**EXERCISE GOAL**
From the first line of the data through the line containing "#83=IFCINDEXEDPOLYGONALFACE((17,18,22,21));", return each line exactly.

**SOURCE INFORMATION**
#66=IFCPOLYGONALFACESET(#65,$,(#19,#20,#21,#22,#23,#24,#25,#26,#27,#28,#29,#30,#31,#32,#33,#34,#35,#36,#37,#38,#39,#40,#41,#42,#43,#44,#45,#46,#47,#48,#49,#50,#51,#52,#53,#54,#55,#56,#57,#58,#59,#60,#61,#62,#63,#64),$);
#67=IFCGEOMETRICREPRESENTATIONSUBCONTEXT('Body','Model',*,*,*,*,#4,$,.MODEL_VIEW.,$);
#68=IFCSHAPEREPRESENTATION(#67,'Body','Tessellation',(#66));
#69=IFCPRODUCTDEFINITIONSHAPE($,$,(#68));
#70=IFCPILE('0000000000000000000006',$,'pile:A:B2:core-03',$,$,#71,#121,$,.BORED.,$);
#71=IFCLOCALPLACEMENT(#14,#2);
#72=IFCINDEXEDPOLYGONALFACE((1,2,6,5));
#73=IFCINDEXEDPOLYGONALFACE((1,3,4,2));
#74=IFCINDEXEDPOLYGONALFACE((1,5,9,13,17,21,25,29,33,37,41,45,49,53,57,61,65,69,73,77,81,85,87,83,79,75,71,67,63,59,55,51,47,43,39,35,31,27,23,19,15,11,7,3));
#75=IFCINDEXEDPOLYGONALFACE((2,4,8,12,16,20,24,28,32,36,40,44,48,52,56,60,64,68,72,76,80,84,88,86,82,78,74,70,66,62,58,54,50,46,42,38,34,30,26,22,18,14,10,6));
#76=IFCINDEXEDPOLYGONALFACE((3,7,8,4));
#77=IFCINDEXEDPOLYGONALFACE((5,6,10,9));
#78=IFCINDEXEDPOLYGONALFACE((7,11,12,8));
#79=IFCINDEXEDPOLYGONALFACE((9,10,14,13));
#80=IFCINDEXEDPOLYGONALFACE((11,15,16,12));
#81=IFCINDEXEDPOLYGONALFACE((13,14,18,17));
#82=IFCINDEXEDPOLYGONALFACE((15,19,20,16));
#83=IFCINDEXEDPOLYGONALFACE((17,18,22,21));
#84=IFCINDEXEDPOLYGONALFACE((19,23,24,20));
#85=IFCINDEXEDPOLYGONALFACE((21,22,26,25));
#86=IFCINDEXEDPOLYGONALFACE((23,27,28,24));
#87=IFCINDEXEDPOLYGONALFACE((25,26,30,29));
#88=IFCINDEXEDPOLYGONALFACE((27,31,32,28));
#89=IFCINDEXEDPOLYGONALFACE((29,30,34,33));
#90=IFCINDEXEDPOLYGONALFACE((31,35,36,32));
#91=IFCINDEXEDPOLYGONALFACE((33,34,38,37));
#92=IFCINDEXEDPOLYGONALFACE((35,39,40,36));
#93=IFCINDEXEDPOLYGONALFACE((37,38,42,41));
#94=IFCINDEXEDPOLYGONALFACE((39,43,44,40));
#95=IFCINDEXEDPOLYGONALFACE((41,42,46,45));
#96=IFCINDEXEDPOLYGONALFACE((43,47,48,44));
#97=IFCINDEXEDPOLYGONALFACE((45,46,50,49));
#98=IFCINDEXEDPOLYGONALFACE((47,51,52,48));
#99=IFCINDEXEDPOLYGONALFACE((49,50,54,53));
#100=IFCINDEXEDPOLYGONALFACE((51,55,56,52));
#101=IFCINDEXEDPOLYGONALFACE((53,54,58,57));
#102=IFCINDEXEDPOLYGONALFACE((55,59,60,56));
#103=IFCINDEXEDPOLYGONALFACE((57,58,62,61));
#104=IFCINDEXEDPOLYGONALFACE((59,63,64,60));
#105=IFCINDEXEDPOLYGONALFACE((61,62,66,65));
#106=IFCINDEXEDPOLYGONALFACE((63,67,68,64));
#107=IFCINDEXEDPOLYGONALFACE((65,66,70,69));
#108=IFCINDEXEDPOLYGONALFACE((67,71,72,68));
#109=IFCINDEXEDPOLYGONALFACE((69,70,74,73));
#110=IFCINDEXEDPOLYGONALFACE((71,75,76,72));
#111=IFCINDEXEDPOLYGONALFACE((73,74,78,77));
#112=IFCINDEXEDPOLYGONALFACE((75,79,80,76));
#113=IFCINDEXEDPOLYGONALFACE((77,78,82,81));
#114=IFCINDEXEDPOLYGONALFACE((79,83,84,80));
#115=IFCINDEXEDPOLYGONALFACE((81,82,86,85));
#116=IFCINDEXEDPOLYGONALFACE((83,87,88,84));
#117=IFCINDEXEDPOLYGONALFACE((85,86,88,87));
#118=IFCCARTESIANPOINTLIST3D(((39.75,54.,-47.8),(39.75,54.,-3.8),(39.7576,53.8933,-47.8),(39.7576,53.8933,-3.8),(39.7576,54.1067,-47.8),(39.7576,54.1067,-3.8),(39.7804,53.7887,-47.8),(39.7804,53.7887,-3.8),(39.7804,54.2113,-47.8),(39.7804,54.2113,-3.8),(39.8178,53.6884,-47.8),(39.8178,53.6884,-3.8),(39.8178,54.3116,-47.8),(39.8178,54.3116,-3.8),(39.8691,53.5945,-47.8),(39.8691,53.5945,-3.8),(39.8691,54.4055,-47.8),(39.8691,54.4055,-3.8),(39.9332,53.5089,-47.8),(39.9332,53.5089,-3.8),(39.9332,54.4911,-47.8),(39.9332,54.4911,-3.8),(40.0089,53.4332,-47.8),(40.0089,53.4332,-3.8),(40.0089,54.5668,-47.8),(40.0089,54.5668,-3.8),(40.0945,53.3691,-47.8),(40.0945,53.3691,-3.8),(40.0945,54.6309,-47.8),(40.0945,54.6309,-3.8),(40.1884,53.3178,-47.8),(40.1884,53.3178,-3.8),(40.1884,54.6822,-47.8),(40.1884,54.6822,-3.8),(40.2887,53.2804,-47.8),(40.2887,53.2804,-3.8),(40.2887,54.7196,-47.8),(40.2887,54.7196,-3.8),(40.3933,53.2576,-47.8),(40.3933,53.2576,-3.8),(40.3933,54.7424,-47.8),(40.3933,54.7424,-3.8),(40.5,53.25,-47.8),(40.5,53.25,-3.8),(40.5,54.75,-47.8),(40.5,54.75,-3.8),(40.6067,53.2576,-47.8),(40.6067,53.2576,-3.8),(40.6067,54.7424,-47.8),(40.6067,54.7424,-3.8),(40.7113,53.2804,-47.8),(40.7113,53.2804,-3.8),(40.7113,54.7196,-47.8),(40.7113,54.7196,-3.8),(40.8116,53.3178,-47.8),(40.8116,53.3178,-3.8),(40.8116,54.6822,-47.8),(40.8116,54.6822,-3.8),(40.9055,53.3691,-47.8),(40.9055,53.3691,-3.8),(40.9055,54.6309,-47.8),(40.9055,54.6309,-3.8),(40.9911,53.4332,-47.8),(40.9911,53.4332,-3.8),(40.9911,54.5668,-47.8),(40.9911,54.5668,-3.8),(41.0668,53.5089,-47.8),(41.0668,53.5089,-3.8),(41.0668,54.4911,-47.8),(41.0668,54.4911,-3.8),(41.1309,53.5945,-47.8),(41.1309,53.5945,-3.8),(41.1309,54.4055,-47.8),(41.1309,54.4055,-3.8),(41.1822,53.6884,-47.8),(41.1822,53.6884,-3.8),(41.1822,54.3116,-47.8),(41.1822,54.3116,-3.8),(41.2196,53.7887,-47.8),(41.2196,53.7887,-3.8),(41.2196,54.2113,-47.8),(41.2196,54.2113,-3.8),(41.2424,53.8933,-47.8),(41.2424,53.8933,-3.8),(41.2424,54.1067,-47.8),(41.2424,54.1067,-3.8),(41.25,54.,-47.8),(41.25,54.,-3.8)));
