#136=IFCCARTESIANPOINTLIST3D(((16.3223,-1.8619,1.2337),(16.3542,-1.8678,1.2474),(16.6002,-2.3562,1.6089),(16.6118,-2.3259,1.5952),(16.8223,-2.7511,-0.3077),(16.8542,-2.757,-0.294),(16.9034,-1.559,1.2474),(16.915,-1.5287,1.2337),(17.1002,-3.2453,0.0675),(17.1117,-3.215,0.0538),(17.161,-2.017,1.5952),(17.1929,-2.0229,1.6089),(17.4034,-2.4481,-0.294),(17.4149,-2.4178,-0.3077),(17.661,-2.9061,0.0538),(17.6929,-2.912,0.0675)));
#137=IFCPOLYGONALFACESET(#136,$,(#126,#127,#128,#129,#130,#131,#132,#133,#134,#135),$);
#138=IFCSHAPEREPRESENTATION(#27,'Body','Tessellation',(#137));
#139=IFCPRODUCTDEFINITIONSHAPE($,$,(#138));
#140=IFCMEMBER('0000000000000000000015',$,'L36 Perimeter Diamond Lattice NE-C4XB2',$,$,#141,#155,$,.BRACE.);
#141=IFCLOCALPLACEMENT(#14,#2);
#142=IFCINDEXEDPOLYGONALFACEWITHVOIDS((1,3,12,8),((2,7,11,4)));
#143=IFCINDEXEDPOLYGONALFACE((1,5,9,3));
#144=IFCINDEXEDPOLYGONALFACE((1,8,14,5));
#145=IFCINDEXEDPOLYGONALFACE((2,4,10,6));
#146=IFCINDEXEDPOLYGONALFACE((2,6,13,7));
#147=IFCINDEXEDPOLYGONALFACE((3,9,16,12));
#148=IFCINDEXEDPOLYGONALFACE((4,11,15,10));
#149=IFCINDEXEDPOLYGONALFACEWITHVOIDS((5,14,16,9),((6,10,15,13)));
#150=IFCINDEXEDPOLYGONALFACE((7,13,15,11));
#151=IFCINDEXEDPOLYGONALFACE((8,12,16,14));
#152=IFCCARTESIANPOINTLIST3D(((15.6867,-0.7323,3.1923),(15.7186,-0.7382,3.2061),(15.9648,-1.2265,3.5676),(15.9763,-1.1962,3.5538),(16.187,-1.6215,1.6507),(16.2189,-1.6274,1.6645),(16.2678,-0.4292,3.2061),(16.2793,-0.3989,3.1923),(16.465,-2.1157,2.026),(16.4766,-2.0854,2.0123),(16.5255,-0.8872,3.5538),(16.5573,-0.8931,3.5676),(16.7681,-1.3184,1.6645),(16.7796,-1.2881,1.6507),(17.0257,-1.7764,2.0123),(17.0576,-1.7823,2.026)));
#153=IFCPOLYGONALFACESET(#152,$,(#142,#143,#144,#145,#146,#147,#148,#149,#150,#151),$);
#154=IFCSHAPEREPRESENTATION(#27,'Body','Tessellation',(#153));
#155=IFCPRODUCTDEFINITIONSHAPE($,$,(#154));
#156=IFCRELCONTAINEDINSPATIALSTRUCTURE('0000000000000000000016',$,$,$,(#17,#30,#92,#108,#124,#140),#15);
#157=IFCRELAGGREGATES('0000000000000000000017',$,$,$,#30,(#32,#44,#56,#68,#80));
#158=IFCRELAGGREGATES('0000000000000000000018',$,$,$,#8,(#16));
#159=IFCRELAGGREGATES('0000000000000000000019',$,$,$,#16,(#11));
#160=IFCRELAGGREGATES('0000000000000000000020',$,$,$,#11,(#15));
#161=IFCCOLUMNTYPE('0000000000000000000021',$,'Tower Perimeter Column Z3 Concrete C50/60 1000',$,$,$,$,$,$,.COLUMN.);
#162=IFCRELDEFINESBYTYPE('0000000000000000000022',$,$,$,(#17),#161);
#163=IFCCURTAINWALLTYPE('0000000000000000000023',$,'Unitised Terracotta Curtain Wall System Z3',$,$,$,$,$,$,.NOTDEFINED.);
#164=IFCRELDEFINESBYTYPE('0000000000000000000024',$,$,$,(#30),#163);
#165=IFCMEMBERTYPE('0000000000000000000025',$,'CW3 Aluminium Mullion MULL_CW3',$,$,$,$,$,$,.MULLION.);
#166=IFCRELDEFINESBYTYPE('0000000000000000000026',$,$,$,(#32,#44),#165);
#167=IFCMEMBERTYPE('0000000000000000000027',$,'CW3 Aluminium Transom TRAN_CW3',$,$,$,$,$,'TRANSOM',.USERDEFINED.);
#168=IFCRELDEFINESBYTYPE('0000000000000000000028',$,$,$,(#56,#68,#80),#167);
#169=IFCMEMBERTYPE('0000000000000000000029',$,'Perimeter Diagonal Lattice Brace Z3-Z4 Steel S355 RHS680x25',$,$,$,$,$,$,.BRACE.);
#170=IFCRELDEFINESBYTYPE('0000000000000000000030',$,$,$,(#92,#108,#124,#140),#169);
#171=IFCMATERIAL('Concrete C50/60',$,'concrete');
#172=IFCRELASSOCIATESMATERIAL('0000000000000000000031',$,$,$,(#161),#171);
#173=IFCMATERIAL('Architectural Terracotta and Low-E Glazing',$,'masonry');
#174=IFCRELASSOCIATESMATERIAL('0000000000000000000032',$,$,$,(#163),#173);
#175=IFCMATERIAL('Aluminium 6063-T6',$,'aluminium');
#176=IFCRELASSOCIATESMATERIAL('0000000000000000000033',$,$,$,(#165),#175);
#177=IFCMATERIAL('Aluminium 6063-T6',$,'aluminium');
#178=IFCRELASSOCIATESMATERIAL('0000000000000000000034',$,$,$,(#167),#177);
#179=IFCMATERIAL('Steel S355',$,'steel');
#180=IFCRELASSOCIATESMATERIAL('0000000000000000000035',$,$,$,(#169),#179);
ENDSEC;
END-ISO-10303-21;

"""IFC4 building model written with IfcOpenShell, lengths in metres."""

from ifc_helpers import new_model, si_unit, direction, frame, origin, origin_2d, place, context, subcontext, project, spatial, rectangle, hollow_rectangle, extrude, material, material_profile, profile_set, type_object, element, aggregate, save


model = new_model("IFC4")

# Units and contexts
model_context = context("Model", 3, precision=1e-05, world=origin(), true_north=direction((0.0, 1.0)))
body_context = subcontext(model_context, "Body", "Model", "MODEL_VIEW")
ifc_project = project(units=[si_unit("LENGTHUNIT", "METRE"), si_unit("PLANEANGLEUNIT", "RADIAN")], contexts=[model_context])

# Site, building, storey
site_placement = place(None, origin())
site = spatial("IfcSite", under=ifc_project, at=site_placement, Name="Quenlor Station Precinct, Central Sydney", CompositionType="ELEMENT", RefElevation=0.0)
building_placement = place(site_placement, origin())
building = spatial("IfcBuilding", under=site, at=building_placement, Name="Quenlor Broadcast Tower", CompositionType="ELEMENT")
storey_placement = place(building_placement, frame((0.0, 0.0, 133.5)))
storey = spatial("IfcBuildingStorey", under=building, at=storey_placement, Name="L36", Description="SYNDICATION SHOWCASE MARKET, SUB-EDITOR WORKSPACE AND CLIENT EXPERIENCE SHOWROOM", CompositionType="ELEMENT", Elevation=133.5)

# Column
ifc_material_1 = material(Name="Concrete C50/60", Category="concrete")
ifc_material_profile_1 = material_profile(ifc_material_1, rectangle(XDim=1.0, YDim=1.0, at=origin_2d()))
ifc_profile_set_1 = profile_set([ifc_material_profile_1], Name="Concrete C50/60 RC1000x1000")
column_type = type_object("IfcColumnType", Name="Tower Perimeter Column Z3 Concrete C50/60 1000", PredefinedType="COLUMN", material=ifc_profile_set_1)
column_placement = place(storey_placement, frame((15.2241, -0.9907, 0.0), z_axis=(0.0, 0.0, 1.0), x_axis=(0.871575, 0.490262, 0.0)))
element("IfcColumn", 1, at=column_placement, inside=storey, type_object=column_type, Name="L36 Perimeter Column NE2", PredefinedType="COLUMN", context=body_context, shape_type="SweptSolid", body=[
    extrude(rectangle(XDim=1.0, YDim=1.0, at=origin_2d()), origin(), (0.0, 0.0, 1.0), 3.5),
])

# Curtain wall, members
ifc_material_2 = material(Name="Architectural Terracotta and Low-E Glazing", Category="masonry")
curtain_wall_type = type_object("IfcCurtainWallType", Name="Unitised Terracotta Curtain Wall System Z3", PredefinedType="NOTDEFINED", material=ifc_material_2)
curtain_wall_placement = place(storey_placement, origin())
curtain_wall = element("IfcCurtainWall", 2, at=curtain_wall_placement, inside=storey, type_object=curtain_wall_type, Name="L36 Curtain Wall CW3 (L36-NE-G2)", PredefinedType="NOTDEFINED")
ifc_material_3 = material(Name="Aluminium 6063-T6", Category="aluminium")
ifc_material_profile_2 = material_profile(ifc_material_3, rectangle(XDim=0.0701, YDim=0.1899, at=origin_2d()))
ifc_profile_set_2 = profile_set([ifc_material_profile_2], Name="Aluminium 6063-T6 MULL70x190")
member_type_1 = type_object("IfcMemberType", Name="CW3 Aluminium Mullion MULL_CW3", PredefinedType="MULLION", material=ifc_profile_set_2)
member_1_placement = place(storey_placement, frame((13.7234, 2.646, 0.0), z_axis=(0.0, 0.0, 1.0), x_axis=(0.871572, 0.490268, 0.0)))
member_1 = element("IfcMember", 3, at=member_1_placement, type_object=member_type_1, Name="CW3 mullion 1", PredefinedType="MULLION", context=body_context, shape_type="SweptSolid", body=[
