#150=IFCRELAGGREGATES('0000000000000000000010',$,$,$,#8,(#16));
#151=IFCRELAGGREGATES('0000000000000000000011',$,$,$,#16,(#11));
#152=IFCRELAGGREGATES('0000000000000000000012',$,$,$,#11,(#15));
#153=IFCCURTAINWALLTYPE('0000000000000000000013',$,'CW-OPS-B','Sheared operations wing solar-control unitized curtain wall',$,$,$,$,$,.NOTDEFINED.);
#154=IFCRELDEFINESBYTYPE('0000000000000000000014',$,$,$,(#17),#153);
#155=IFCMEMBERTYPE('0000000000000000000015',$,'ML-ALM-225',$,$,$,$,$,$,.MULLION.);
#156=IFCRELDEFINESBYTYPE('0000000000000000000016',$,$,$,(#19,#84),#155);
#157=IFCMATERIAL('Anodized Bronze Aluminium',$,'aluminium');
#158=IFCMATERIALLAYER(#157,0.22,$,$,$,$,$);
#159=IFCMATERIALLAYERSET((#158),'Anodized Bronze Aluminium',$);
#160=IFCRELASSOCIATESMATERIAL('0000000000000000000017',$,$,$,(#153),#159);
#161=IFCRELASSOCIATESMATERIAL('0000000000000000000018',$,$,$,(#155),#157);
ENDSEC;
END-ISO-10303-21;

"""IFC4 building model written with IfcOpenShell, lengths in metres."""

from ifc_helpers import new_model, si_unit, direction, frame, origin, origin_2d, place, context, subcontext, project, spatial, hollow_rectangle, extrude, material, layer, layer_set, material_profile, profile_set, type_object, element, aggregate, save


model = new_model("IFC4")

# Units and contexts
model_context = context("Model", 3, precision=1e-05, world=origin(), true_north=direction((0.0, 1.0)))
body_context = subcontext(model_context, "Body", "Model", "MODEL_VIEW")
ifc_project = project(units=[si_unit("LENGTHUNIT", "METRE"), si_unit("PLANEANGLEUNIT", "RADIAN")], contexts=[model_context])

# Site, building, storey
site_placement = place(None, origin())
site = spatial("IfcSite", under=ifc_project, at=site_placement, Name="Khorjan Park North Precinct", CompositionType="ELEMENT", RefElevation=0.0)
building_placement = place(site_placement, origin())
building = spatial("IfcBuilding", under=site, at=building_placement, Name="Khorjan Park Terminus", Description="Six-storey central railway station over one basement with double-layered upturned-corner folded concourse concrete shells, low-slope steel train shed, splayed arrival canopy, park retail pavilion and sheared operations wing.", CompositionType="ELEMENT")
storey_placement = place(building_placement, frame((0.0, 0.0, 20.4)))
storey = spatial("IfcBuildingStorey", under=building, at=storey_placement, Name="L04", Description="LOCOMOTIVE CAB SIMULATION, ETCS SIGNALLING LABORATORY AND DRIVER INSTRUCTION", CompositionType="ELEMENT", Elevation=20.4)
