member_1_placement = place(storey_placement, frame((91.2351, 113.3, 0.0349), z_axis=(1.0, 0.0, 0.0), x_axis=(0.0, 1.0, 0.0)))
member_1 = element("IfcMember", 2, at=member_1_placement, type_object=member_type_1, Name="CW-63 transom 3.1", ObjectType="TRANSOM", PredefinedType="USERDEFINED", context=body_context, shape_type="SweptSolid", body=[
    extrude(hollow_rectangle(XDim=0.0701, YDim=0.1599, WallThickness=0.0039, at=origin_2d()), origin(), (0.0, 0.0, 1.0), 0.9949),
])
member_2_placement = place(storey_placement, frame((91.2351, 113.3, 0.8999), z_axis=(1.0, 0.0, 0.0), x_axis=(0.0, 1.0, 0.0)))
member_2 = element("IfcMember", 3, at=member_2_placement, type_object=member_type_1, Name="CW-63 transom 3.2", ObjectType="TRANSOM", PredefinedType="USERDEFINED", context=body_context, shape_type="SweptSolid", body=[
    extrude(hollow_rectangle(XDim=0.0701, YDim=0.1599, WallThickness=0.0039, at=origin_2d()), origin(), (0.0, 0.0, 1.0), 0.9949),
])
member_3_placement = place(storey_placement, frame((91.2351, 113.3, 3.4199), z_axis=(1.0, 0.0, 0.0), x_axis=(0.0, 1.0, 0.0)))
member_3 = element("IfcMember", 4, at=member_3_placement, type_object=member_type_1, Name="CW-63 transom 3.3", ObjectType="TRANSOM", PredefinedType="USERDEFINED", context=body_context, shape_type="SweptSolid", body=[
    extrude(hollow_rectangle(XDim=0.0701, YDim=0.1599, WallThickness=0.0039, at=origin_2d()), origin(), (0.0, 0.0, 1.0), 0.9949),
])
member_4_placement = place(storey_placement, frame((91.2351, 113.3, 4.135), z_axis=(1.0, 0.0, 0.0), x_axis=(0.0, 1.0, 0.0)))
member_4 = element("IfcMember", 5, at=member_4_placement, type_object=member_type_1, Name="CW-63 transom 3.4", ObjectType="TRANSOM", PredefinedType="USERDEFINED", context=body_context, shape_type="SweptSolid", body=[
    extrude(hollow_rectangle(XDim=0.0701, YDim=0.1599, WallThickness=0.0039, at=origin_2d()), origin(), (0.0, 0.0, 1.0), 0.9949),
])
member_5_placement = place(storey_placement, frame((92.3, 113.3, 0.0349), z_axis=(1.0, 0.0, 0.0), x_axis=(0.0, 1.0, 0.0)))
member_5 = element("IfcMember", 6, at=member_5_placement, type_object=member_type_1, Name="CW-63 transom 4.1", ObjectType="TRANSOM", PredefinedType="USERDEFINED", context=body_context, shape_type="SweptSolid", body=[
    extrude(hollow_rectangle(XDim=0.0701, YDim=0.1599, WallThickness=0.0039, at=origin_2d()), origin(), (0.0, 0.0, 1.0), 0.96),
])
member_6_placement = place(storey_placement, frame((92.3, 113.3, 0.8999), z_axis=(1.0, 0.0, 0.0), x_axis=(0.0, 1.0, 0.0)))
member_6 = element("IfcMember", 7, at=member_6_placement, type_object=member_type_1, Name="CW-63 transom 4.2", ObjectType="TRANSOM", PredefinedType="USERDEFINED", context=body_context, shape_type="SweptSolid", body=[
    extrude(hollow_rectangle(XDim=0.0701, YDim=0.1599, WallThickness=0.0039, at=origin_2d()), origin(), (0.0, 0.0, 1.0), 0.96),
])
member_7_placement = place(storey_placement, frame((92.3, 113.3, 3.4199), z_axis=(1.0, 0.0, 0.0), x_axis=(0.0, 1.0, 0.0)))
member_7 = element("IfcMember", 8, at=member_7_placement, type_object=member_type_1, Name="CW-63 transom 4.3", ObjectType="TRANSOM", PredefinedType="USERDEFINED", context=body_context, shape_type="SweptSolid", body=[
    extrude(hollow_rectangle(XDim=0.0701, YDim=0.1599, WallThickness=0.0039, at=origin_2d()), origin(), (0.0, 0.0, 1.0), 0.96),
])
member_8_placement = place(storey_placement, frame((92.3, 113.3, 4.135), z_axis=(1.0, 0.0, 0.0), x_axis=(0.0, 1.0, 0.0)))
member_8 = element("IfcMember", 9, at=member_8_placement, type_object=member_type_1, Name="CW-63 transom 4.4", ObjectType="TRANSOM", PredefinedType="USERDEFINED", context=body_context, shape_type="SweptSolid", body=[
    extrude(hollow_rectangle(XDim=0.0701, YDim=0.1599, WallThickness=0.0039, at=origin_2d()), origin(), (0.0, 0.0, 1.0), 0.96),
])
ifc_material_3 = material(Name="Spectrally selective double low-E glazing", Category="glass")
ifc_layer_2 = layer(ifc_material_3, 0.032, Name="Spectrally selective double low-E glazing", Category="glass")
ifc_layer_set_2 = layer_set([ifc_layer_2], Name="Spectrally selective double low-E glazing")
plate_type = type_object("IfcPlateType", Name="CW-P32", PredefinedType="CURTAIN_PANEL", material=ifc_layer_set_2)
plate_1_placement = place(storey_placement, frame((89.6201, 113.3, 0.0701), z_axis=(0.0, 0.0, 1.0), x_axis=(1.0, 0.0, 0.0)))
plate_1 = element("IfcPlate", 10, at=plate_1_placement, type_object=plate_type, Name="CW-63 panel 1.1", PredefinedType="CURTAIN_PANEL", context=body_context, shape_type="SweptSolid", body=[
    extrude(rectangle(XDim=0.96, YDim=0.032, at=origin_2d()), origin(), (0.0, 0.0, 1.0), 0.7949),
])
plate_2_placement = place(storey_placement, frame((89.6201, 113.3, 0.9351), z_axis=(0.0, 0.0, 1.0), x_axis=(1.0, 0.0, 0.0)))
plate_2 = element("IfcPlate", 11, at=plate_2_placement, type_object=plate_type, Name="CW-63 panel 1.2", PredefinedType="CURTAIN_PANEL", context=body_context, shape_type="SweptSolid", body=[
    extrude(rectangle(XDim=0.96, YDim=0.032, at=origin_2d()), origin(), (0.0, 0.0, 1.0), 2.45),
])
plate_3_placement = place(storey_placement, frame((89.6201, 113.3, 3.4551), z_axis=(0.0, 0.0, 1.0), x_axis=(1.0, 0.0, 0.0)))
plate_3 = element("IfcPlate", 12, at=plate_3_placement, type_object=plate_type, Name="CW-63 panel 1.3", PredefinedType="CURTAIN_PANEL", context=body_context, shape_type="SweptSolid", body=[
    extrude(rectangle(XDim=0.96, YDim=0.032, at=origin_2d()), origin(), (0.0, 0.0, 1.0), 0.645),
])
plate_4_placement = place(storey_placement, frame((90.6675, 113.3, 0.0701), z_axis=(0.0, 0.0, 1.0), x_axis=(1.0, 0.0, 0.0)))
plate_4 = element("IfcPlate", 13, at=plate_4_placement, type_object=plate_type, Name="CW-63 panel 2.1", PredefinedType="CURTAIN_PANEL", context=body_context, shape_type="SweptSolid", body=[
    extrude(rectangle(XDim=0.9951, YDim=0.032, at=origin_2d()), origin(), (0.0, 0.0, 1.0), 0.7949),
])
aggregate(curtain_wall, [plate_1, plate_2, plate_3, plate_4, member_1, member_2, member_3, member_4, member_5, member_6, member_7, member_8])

**OUTPUT FOR THIS EXERCISE**
#66=IFCPOLYGONALFACESET(#65,$,(#19,#20,#21,#22,#23,#24,#25,#26,#27,#28,#29,#30,#31,#32,#33,#34,#35,#36,#37,#38,#39,#40,#41,#42,#43,#44,#45,#46,#47,#48,#49,#50,#51,#52,#53,#54,#55,#56,#57,#58,#59,#60,#61,#62,#63,#64),$);
#67=IFCGEOMETRICREPRESENTATIONSUBCONTEXT('Body','Model',*,*,*,*,#4,$,.MODEL_VIEW.,$);
#68=IFCSHAPEREPRESENTATION(#67,'Body','Tessellation',(#66));
#69=IFCPRODUCTDEFINITIONSHAPE($,$,(#68));
#70=IFCPILE('0000000000000000000006',$,'pile:A:B2:core-03',$,$,#71,#121,$,.BORED.,$);
#71=IFCLOCALPLACEMENT(#14,#2);
#72=IFCINDEXEDPOLYGONALFACE((1,2,6,5));
#73=IFCINDEXEDPOLYGONALFACE((1,3,4,2));
#74=IFCINDEXEDPOLYGONALFACE((1,5,9,13,17,21,25,29,33,37,41,45,49,53,57,61,65,69,73,77,81,85,87,83,79,75,71,67,63,59,55,51,47,43,39,35,31,27,23,19,15,11,7,3));
#75=IFCINDEXEDPOLYGONALFACE((2,4,8,12,16,20,24,28,32,36,40,44,48,52,56,60,64,68,72,76,80,84,88,86,82,78,74,70,66,62,58,54,50,46,42,38,34,30,26,22,18,14,10,6));
#76=IFCINDEXEDPOLYGONALFACE((3,7,8,4));
#77=IFCINDEXEDPOLYGONALFACE((5,6,10,9));
#78=IFCINDEXEDPOLYGONALFACE((7,11,12,8));
#79=IFCINDEXEDPOLYGONALFACE((9,10,14,13));
#80=IFCINDEXEDPOLYGONALFACE((11,15,16,12));
#81=IFCINDEXEDPOLYGONALFACE((13,14,18,17));
#82=IFCINDEXEDPOLYGONALFACE((15,19,20,16));
#83=IFCINDEXEDPOLYGONALFACE((17,18,22,21));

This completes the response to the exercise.